Assignment:
From the line below that contains "#32=IFCINDEXEDPOLYGONALFACE((17,19,20,18));" to the line that contains "#47=IFCINDEXEDPOLYGONALFACE((45,49,51,47));", repeat every line exactly, both ends included, and nothing else.

[Data Boundary: Start]

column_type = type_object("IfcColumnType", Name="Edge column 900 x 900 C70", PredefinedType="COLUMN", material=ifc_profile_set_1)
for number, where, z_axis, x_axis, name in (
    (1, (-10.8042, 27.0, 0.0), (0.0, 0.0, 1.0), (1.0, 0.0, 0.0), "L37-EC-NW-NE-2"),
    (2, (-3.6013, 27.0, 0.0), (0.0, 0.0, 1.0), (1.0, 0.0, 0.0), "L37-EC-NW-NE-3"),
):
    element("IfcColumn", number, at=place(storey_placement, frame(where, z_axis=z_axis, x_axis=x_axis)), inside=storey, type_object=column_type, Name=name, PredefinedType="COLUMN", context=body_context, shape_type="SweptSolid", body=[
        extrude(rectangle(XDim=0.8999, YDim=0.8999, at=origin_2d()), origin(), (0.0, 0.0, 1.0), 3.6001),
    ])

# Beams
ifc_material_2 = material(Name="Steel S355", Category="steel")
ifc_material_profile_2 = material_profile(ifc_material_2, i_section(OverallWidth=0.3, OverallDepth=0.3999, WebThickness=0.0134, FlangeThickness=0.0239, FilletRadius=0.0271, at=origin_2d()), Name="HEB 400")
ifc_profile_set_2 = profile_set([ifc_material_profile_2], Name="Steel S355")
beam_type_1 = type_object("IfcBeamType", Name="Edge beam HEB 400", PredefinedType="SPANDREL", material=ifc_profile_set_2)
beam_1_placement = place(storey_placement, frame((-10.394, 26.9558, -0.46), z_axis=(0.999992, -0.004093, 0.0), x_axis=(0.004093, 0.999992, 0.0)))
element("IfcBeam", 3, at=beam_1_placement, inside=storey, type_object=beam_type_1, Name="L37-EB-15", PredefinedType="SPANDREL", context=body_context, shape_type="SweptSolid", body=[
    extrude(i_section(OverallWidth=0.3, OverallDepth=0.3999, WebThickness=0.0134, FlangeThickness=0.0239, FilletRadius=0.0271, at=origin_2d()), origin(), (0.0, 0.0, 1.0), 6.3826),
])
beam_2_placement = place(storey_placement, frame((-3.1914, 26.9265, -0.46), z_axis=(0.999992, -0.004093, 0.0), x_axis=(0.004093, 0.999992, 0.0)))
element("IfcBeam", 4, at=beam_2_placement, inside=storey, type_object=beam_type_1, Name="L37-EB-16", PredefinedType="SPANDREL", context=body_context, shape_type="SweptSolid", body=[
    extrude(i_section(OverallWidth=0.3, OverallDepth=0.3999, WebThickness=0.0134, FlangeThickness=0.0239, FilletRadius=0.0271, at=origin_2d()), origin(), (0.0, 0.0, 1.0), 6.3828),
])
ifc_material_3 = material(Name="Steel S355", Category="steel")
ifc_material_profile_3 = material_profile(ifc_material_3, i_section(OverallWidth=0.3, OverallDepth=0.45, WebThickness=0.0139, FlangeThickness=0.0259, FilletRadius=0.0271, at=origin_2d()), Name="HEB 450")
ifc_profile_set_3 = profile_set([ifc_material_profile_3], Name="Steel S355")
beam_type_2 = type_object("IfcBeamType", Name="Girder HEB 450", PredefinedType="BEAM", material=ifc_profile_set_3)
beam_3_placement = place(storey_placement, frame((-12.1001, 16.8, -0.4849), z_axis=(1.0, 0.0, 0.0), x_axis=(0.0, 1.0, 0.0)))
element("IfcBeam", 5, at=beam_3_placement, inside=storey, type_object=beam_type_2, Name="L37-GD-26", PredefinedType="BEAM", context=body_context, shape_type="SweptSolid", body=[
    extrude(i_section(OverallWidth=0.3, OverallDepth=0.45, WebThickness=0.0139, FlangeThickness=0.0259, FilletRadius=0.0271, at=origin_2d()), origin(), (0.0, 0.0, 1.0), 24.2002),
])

[Data Boundary: End]
[Data Boundary: Start]

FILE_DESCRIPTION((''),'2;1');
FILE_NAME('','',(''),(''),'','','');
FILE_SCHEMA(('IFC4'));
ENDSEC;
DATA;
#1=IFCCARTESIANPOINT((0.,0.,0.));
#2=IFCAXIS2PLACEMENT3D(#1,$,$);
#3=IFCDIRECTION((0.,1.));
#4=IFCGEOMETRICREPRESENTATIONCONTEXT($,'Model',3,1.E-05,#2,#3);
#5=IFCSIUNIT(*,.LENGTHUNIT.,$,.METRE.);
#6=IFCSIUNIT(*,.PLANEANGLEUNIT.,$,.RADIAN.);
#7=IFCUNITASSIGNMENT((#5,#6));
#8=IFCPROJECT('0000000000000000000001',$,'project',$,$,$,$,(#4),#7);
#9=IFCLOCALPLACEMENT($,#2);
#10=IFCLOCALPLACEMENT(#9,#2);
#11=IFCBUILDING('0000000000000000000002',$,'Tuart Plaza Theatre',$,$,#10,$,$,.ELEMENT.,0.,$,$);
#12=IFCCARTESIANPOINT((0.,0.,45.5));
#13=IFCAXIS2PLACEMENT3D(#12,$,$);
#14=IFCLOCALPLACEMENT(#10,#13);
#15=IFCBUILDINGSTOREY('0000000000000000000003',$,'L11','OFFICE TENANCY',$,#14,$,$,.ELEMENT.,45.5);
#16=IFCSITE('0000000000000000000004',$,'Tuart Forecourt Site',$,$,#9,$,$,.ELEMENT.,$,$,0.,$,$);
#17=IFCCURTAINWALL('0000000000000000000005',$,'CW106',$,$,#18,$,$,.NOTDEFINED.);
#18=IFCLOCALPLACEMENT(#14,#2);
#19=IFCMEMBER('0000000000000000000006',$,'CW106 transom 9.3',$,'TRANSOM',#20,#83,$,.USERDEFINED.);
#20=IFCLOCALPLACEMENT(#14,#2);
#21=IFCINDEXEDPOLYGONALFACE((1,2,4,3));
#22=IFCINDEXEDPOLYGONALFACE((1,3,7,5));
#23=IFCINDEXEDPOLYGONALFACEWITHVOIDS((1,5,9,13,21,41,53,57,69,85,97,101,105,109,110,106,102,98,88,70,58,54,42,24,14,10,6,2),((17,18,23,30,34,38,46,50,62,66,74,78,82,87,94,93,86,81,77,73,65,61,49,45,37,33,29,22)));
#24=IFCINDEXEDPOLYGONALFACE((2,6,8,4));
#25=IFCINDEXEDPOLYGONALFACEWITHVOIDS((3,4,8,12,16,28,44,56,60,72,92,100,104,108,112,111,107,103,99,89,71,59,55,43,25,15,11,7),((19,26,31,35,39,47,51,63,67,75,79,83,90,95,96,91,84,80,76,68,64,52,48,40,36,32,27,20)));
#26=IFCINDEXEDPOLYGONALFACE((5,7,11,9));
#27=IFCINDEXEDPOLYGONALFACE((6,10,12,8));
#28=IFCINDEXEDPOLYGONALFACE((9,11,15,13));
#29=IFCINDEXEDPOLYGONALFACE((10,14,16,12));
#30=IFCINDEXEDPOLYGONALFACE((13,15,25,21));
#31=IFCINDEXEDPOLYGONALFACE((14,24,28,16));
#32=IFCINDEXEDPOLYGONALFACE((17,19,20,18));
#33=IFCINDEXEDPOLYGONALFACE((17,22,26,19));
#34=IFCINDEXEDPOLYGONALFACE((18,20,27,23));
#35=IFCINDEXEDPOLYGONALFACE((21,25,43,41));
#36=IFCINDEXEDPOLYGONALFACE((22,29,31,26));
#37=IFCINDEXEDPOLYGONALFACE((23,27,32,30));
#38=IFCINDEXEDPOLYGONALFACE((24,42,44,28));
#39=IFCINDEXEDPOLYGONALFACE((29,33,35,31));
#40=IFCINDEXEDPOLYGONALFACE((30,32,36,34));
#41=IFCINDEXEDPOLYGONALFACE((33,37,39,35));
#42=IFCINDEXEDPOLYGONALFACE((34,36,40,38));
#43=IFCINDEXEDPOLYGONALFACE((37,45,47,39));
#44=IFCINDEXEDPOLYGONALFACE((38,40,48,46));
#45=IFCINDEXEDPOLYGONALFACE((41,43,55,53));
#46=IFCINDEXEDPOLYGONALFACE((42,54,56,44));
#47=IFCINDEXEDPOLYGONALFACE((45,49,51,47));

[Data Boundary: End]

Solution to this exercise:
#32=IFCINDEXEDPOLYGONALFACE((17,19,20,18));
#33=IFCINDEXEDPOLYGONALFACE((17,22,26,19));
#34=IFCINDEXEDPOLYGONALFACE((18,20,27,23));
#35=IFCINDEXEDPOLYGONALFACE((21,25,43,41));
#36=IFCINDEXEDPOLYGONALFACE((22,29,31,26));
#37=IFCINDEXEDPOLYGONALFACE((23,27,32,30));
#38=IFCINDEXEDPOLYGONALFACE((24,42,44,28));
#39=IFCINDEXEDPOLYGONALFACE((29,33,35,31));
#40=IFCINDEXEDPOLYGONALFACE((30,32,36,34));
#41=IFCINDEXEDPOLYGONALFACE((33,37,39,35));
#42=IFCINDEXEDPOLYGONALFACE((34,36,40,38));
#43=IFCINDEXEDPOLYGONALFACE((37,45,47,39));
#44=IFCINDEXEDPOLYGONALFACE((38,40,48,46));
#45=IFCINDEXEDPOLYGONALFACE((41,43,55,53));
#46=IFCINDEXEDPOLYGONALFACE((42,54,56,44));
#47=IFCINDEXEDPOLYGONALFACE((45,49,51,47));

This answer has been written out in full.